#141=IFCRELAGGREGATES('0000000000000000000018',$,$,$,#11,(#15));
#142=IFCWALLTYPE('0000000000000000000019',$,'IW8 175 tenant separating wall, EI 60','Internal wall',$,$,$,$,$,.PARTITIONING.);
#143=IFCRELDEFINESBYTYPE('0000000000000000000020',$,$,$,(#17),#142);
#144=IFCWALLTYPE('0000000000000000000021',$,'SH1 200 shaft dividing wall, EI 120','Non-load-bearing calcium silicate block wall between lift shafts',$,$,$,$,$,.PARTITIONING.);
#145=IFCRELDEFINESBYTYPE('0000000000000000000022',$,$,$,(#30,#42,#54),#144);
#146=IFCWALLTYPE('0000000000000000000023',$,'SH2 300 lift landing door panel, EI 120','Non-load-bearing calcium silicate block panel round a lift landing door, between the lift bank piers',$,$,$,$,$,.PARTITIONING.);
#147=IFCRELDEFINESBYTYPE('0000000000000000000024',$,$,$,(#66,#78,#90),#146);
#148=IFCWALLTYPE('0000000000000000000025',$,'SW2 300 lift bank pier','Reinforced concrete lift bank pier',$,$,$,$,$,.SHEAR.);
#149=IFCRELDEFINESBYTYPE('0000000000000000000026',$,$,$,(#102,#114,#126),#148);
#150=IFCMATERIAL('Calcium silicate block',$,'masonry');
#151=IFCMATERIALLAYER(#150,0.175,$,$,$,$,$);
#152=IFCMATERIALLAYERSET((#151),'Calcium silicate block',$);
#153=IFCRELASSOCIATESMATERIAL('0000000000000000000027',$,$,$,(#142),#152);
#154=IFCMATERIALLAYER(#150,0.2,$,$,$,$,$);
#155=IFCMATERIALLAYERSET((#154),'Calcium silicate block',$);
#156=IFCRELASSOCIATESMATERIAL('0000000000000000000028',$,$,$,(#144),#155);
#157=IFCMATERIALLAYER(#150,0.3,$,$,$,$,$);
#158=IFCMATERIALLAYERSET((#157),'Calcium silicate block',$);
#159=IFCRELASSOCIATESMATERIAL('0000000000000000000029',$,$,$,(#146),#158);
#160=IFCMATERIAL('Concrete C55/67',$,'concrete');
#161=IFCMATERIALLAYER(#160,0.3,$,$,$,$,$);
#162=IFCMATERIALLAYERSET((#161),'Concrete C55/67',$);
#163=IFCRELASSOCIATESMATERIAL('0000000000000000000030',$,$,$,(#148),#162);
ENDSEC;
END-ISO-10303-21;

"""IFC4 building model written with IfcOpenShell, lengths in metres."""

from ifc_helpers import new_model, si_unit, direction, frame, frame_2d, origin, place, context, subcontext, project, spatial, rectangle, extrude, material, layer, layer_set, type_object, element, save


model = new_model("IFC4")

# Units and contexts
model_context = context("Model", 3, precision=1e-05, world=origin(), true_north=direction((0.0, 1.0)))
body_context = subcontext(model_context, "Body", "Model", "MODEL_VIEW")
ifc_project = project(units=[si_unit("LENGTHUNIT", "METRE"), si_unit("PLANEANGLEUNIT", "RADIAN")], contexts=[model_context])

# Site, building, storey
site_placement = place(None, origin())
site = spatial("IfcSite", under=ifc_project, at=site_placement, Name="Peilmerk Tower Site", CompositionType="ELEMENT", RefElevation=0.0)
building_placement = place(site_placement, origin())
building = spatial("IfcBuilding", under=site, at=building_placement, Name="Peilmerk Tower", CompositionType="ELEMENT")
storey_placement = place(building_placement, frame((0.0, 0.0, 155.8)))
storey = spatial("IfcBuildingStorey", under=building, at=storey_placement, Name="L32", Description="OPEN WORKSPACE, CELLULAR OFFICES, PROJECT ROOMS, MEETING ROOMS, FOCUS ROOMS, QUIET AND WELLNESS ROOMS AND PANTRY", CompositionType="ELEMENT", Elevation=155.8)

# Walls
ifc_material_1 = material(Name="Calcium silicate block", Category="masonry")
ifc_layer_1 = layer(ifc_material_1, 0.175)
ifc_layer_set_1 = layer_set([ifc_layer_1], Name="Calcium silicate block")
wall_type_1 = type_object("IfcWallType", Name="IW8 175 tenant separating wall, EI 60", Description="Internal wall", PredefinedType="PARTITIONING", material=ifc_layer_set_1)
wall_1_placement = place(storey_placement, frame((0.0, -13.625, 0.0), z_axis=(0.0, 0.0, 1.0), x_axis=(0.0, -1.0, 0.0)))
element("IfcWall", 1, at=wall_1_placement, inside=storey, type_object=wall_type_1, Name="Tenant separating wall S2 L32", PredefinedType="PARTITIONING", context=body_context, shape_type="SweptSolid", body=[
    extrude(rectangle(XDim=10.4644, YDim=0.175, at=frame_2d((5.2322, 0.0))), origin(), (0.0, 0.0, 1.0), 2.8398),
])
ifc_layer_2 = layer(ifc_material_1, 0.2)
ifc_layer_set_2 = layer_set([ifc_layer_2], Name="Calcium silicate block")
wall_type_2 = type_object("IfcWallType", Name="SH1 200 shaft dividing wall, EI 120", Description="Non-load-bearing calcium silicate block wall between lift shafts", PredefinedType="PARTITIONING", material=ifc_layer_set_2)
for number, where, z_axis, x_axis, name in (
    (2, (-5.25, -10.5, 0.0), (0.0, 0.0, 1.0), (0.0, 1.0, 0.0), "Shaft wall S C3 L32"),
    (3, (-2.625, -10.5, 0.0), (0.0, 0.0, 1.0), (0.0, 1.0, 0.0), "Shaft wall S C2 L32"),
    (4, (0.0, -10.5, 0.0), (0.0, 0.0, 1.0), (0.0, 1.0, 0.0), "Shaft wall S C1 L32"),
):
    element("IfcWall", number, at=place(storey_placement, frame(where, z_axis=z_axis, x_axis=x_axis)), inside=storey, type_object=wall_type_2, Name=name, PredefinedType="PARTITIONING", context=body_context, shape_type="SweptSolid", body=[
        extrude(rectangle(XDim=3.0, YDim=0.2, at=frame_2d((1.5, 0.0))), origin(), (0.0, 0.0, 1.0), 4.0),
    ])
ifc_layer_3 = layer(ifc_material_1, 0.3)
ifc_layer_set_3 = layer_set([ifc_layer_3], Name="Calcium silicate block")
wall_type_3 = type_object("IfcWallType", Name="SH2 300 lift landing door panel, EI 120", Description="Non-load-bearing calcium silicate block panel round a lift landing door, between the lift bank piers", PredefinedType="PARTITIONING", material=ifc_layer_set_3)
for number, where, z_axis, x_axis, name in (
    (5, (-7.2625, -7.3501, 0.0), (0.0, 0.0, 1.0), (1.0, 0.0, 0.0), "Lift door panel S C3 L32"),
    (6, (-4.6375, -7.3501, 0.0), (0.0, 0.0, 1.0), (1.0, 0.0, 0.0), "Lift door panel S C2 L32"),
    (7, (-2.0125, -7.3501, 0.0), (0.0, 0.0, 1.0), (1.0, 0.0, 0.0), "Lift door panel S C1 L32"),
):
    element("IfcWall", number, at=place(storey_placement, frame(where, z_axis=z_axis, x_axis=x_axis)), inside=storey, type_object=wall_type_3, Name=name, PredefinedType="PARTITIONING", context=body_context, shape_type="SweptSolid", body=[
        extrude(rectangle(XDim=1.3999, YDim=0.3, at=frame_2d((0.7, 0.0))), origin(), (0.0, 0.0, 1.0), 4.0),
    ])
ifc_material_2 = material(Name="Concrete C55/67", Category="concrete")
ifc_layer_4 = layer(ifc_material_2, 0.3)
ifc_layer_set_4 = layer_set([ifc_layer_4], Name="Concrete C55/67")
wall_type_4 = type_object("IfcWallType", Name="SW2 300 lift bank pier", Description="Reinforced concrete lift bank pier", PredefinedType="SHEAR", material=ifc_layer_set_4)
******
### TASK INSTRUCTIONS
Look through the entries above. Copy each line in which the string "direction" occurs.

### SOLUTION BELOW
from ifc_helpers import new_model, si_unit, direction, frame, frame_2d, origin, place, context, subcontext, project, spatial, rectangle, extrude, material, layer, layer_set, type_object, element, save
model_context = context("Model", 3, precision=1e-05, world=origin(), true_north=direction((0.0, 1.0)))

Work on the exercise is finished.